_PROBLEM TO SOLVE_
Transcribe the entries exactly as each line appears.

++++

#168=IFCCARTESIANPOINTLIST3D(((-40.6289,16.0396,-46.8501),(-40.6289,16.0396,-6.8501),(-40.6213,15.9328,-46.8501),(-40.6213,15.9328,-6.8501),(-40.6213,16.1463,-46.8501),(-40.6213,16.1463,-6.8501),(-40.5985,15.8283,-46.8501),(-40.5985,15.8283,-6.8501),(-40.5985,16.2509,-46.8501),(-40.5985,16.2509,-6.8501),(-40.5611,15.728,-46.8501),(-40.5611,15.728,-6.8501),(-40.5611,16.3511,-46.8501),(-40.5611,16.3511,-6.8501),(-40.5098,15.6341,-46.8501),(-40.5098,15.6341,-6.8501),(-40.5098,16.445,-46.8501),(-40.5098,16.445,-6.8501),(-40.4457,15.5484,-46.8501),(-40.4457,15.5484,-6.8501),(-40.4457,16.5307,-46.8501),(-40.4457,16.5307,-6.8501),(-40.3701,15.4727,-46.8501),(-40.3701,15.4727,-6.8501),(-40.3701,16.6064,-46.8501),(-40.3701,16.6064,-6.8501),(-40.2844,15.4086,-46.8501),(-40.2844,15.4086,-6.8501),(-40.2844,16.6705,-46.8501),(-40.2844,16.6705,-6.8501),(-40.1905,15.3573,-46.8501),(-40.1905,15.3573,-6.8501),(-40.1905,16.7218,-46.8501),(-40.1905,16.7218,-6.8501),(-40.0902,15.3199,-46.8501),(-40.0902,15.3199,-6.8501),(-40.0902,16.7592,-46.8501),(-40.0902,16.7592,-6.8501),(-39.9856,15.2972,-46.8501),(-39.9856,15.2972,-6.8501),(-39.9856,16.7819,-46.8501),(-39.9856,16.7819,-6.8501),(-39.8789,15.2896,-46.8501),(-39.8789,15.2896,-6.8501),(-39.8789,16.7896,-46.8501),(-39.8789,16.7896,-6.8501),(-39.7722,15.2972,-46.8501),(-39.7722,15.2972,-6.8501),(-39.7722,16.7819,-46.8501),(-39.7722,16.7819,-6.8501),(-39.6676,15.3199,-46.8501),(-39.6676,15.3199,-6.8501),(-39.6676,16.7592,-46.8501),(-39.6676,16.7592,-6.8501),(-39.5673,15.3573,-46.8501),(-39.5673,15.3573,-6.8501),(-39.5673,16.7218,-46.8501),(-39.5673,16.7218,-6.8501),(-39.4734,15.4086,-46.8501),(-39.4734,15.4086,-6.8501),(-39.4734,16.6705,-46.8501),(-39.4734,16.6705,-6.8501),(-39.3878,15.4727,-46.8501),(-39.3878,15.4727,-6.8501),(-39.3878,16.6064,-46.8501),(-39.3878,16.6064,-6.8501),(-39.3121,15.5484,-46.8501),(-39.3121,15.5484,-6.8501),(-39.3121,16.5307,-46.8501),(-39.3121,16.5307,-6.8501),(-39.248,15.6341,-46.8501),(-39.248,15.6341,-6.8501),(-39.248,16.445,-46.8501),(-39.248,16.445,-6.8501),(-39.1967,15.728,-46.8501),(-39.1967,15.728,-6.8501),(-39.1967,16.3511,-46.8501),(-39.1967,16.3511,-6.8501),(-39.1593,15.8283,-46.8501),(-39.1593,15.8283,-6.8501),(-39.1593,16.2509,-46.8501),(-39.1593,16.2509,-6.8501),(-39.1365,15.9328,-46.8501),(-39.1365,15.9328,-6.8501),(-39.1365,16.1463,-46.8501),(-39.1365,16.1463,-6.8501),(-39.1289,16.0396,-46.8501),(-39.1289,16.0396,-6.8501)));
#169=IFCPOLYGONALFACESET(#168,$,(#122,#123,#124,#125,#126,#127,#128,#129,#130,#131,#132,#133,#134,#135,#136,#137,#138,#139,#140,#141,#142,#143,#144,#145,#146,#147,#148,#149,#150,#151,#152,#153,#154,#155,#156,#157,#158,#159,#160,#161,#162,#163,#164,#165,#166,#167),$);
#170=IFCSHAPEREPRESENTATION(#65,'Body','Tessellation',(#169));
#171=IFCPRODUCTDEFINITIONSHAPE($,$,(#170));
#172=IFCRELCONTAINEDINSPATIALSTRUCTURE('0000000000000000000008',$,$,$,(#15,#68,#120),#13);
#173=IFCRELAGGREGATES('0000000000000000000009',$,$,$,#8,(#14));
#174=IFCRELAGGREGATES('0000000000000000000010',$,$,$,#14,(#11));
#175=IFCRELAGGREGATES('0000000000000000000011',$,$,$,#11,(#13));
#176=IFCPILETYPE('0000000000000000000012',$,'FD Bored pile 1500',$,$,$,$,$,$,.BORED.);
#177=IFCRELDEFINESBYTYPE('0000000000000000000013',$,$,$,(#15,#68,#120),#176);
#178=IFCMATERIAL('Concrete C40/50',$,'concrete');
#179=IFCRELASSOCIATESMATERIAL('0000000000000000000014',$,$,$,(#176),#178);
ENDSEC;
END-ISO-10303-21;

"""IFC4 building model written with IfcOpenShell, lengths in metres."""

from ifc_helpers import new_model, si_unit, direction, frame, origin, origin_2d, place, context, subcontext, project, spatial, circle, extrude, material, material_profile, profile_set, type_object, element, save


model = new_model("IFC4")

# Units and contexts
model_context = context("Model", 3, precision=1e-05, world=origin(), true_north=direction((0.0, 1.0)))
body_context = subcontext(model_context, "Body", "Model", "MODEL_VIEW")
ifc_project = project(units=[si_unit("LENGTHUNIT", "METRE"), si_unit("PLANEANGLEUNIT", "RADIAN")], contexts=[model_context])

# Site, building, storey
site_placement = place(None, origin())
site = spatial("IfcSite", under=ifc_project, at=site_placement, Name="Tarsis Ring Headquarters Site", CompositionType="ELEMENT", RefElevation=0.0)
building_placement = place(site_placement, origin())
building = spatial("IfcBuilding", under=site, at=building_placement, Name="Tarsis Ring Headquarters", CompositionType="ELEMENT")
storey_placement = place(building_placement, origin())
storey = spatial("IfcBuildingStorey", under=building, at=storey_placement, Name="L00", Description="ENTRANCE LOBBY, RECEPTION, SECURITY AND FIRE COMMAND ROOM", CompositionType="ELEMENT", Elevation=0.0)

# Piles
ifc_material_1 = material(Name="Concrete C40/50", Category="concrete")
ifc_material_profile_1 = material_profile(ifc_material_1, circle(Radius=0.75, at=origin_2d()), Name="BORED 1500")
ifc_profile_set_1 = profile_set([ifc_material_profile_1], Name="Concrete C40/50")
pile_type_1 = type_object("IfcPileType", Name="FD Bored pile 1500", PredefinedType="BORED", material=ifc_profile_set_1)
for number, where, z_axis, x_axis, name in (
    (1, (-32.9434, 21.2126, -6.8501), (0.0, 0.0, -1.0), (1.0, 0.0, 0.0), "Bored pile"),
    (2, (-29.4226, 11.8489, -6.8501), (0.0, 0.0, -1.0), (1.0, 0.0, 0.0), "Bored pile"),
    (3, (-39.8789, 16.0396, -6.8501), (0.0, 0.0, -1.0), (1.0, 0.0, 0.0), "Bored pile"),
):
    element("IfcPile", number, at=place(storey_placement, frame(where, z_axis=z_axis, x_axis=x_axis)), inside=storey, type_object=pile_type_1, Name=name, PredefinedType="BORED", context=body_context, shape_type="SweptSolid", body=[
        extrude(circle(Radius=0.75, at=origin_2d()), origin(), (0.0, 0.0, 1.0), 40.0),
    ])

++++

_ANSWER SPACE_
#168=IFCCARTESIANPOINTLIST3D(((-40.6289,16.0396,-46.8501),(-40.6289,16.0396,-6.8501),(-40.6213,15.9328,-46.8501),(-40.6213,15.9328,-6.8501),(-40.6213,16.1463,-46.8501),(-40.6213,16.1463,-6.8501),(-40.5985,15.8283,-46.8501),(-40.5985,15.8283,-6.8501),(-40.5985,16.2509,-46.8501),(-40.5985,16.2509,-6.8501),(-40.5611,15.728,-46.8501),(-40.5611,15.728,-6.8501),(-40.5611,16.3511,-46.8501),(-40.5611,16.3511,-6.8501),(-40.5098,15.6341,-46.8501),(-40.5098,15.6341,-6.8501),(-40.5098,16.445,-46.8501),(-40.5098,16.445,-6.8501),(-40.4457,15.5484,-46.8501),(-40.4457,15.5484,-6.8501),(-40.4457,16.5307,-46.8501),(-40.4457,16.5307,-6.8501),(-40.3701,15.4727,-46.8501),(-40.3701,15.4727,-6.8501),(-40.3701,16.6064,-46.8501),(-40.3701,16.6064,-6.8501),(-40.2844,15.4086,-46.8501),(-40.2844,15.4086,-6.8501),(-40.2844,16.6705,-46.8501),(-40.2844,16.6705,-6.8501),(-40.1905,15.3573,-46.8501),(-40.1905,15.3573,-6.8501),(-40.1905,16.7218,-46.8501),(-40.1905,16.7218,-6.8501),(-40.0902,15.3199,-46.8501),(-40.0902,15.3199,-6.8501),(-40.0902,16.7592,-46.8501),(-40.0902,16.7592,-6.8501),(-39.9856,15.2972,-46.8501),(-39.9856,15.2972,-6.8501),(-39.9856,16.7819,-46.8501),(-39.9856,16.7819,-6.8501),(-39.8789,15.2896,-46.8501),(-39.8789,15.2896,-6.8501),(-39.8789,16.7896,-46.8501),(-39.8789,16.7896,-6.8501),(-39.7722,15.2972,-46.8501),(-39.7722,15.2972,-6.8501),(-39.7722,16.7819,-46.8501),(-39.7722,16.7819,-6.8501),(-39.6676,15.3199,-46.8501),(-39.6676,15.3199,-6.8501),(-39.6676,16.7592,-46.8501),(-39.6676,16.7592,-6.8501),(-39.5673,15.3573,-46.8501),(-39.5673,15.3573,-6.8501),(-39.5673,16.7218,-46.8501),(-39.5673,16.7218,-6.8501),(-39.4734,15.4086,-46.8501),(-39.4734,15.4086,-6.8501),(-39.4734,16.6705,-46.8501),(-39.4734,16.6705,-6.8501),(-39.3878,15.4727,-46.8501),(-39.3878,15.4727,-6.8501),(-39.3878,16.6064,-46.8501),(-39.3878,16.6064,-6.8501),(-39.3121,15.5484,-46.8501),(-39.3121,15.5484,-6.8501),(-39.3121,16.5307,-46.8501),(-39.3121,16.5307,-6.8501),(-39.248,15.6341,-46.8501),(-39.248,15.6341,-6.8501),(-39.248,16.445,-46.8501),(-39.248,16.445,-6.8501),(-39.1967,15.728,-46.8501),(-39.1967,15.728,-6.8501),(-39.1967,16.3511,-46.8501),(-39.1967,16.3511,-6.8501),(-39.1593,15.8283,-46.8501),(-39.1593,15.8283,-6.8501),(-39.1593,16.2509,-46.8501),(-39.1593,16.2509,-6.8501),(-39.1365,15.9328,-46.8501),(-39.1365,15.9328,-6.8501),(-39.1365,16.1463,-46.8501),(-39.1365,16.1463,-6.8501),(-39.1289,16.0396,-46.8501),(-39.1289,16.0396,-6.8501)));
#169=IFCPOLYGONALFACESET(#168,$,(#122,#123,#124,#125,#126,#127,#128,#129,#130,#131,#132,#133,#134,#135,#136,#137,#138,#139,#140,#141,#142,#143,#144,#145,#146,#147,#148,#149,#150,#151,#152,#153,#154,#155,#156,#157,#158,#159,#160,#161,#162,#163,#164,#165,#166,#167),$);
#170=IFCSHAPEREPRESENTATION(#65,'Body','Tessellation',(#169));
#171=IFCPRODUCTDEFINITIONSHAPE($,$,(#170));
#172=IFCRELCONTAINEDINSPATIALSTRUCTURE('0000000000000000000008',$,$,$,(#15,#68,#120),#13);
#173=IFCRELAGGREGATES('0000000000000000000009',$,$,$,#8,(#14));
#174=IFCRELAGGREGATES('0000000000000000000010',$,$,$,#14,(#11));
#175=IFCRELAGGREGATES('0000000000000000000011',$,$,$,#11,(#13));
#176=IFCPILETYPE('0000000000000000000012',$,'FD Bored pile 1500',$,$,$,$,$,$,.BORED.);
#177=IFCRELDEFINESBYTYPE('0000000000000000000013',$,$,$,(#15,#68,#120),#176);
#178=IFCMATERIAL('Concrete C40/50',$,'concrete');
#179=IFCRELASSOCIATESMATERIAL('0000000000000000000014',$,$,$,(#176),#178);
ENDSEC;
END-ISO-10303-21;

"""IFC4 building model written with IfcOpenShell, lengths in metres."""

from ifc_helpers import new_model, si_unit, direction, frame, origin, origin_2d, place, context, subcontext, project, spatial, circle, extrude, material, material_profile, profile_set, type_object, element, save


model = new_model("IFC4")

# Units and contexts
model_context = context("Model", 3, precision=1e-05, world=origin(), true_north=direction((0.0, 1.0)))
body_context = subcontext(model_context, "Body", "Model", "MODEL_VIEW")
ifc_project = project(units=[si_unit("LENGTHUNIT", "METRE"), si_unit("PLANEANGLEUNIT", "RADIAN")], contexts=[model_context])

# Site, building, storey
site_placement = place(None, origin())
site = spatial("IfcSite", under=ifc_project, at=site_placement, Name="Tarsis Ring Headquarters Site", CompositionType="ELEMENT", RefElevation=0.0)
building_placement = place(site_placement, origin())
building = spatial("IfcBuilding", under=site, at=building_placement, Name="Tarsis Ring Headquarters", CompositionType="ELEMENT")
storey_placement = place(building_placement, origin())
storey = spatial("IfcBuildingStorey", under=building, at=storey_placement, Name="L00", Description="ENTRANCE LOBBY, RECEPTION, SECURITY AND FIRE COMMAND ROOM", CompositionType="ELEMENT", Elevation=0.0)

# Piles
ifc_material_1 = material(Name="Concrete C40/50", Category="concrete")
ifc_material_profile_1 = material_profile(ifc_material_1, circle(Radius=0.75, at=origin_2d()), Name="BORED 1500")
ifc_profile_set_1 = profile_set([ifc_material_profile_1], Name="Concrete C40/50")
pile_type_1 = type_object("IfcPileType", Name="FD Bored pile 1500", PredefinedType="BORED", material=ifc_profile_set_1)
for number, where, z_axis, x_axis, name in (
    (1, (-32.9434, 21.2126, -6.8501), (0.0, 0.0, -1.0), (1.0, 0.0, 0.0), "Bored pile"),
    (2, (-29.4226, 11.8489, -6.8501), (0.0, 0.0, -1.0), (1.0, 0.0, 0.0), "Bored pile"),
    (3, (-39.8789, 16.0396, -6.8501), (0.0, 0.0, -1.0), (1.0, 0.0, 0.0), "Bored pile"),
):
    element("IfcPile", number, at=place(storey_placement, frame(where, z_axis=z_axis, x_axis=x_axis)), inside=storey, type_object=pile_type_1, Name=name, PredefinedType="BORED", context=body_context, shape_type="SweptSolid", body=[
        extrude(circle(Radius=0.75, at=origin_2d()), origin(), (0.0, 0.0, 1.0), 40.0),
    ])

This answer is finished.